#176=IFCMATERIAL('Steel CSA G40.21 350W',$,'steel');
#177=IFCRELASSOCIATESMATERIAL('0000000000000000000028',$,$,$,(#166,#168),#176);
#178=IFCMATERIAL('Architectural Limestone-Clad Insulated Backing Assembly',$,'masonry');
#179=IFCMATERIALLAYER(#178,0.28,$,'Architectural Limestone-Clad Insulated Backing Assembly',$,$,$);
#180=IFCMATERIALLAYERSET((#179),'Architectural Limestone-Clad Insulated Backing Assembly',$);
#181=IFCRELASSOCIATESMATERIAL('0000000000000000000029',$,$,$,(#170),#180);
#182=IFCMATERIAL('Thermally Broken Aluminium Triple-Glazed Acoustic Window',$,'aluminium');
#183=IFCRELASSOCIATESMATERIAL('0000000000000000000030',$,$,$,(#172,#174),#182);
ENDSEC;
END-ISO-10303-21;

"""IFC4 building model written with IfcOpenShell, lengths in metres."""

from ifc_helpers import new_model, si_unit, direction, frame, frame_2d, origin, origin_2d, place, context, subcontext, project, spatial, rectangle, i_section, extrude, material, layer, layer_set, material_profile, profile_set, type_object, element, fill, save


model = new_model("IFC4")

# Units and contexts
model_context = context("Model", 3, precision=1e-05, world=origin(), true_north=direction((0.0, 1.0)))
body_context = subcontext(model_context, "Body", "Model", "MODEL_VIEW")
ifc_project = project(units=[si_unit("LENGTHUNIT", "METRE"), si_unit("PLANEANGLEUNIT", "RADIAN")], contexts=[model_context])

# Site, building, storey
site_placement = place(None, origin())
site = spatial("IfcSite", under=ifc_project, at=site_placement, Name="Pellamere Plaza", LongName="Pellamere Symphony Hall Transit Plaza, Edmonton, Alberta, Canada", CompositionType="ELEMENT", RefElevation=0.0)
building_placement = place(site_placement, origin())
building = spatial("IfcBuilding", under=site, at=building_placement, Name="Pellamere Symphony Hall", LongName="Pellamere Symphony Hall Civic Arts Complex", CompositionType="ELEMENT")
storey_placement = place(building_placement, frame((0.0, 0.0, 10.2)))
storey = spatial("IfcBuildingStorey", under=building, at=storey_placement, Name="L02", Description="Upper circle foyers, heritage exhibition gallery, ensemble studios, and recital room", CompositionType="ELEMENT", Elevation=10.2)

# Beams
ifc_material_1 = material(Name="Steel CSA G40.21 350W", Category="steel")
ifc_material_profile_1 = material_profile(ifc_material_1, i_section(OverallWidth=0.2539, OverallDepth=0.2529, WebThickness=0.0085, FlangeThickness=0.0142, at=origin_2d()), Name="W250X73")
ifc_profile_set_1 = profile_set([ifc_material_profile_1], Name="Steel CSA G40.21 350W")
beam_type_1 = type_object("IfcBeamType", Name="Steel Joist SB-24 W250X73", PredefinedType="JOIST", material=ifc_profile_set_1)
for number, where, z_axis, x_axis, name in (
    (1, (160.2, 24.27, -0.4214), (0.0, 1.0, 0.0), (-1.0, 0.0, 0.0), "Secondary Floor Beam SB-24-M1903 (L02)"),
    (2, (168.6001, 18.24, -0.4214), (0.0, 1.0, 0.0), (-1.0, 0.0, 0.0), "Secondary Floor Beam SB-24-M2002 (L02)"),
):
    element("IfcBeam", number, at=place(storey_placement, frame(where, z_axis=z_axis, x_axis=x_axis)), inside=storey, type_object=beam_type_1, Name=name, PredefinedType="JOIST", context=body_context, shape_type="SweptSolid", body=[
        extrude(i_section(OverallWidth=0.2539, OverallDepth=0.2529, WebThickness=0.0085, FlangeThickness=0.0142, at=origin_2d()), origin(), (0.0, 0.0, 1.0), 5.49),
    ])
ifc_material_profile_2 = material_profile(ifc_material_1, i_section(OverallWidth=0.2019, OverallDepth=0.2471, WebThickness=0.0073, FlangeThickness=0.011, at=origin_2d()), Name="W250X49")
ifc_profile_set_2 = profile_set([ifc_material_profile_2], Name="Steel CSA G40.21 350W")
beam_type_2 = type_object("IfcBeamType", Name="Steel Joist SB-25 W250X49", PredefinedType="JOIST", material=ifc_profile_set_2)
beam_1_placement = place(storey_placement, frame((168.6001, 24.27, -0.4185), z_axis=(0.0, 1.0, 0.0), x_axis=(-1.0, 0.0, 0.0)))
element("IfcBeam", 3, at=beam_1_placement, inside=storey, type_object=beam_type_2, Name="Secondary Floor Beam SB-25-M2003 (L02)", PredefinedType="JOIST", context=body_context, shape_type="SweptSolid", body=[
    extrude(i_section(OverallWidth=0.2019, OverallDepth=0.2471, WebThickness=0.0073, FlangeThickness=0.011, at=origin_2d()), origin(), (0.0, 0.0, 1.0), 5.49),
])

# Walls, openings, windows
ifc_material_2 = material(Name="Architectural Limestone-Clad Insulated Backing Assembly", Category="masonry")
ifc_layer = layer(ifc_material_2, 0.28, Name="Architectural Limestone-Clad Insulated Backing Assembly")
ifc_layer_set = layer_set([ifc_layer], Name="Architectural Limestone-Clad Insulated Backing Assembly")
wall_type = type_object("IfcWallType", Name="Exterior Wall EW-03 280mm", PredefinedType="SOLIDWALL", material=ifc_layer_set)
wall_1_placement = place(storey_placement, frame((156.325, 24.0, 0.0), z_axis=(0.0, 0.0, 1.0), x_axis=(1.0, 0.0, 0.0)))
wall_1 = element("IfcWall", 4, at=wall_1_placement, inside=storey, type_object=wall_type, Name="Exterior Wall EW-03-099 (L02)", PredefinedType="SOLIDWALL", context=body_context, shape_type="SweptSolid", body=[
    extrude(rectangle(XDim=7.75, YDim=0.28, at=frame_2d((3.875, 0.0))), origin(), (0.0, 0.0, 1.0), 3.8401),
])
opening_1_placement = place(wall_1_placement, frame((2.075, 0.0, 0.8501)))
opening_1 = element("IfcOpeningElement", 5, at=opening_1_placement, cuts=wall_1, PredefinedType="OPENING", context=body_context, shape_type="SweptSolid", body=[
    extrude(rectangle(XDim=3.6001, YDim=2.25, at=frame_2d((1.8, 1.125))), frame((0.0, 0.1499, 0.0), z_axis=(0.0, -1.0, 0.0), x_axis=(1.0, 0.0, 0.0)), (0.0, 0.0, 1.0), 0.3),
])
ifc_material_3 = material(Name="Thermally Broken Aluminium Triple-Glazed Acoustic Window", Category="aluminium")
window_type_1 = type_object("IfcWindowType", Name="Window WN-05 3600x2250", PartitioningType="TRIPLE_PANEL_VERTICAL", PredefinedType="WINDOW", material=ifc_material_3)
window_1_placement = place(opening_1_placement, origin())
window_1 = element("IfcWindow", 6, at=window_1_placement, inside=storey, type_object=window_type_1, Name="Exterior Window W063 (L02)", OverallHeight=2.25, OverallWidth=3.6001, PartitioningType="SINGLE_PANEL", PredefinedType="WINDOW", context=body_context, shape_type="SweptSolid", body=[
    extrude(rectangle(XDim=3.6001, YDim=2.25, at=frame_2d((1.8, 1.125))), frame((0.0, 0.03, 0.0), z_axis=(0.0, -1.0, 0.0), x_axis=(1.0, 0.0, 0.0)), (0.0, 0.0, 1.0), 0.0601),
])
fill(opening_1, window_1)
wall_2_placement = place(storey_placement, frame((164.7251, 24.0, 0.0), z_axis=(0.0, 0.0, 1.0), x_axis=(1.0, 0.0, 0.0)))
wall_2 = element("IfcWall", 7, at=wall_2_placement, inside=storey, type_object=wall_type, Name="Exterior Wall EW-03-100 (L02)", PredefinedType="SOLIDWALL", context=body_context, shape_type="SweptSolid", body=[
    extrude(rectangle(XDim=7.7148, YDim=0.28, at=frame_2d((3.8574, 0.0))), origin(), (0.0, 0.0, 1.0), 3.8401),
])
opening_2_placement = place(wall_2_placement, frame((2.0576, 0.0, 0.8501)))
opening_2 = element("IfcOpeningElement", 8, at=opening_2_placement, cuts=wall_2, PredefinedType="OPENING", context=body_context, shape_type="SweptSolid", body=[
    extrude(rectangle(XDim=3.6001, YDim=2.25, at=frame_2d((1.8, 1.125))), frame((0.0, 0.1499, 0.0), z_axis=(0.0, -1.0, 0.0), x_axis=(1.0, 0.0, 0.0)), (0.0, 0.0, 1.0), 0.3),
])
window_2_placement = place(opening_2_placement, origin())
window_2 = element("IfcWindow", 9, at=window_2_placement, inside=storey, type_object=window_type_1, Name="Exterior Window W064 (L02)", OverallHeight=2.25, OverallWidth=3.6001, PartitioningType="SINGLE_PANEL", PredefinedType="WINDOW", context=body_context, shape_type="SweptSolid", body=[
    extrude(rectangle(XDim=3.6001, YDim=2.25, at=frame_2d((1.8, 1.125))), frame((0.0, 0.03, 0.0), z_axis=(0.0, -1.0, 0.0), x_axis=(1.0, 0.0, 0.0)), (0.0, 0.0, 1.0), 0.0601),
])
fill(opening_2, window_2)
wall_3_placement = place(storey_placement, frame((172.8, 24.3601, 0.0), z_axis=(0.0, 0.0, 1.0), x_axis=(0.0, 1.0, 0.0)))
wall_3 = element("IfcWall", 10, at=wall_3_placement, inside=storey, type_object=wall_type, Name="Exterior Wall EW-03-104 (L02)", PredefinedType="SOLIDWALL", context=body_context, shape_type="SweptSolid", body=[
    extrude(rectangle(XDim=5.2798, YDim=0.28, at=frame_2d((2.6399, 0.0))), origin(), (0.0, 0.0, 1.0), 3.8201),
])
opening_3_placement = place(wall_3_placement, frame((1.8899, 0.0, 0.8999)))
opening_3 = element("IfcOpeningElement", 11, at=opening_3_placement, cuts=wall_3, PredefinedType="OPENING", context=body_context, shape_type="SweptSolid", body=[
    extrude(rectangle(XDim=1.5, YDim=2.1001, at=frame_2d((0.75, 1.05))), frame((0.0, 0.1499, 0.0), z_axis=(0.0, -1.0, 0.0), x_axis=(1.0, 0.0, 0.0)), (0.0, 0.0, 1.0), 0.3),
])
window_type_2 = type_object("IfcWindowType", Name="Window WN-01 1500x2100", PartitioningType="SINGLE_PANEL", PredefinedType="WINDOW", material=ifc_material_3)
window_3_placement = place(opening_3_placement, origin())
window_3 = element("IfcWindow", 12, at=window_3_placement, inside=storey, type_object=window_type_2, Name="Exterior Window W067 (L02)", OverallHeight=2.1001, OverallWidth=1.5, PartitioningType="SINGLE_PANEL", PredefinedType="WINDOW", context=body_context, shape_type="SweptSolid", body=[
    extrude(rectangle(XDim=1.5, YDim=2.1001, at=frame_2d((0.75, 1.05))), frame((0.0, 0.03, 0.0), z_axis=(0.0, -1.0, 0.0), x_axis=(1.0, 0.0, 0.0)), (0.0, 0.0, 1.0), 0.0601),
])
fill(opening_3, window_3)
+ + + + + + +
→ What you should do: State the number of lines in these entries that include the string "Acoustic". Provide nothing beyond that number.

→ Answer section: 2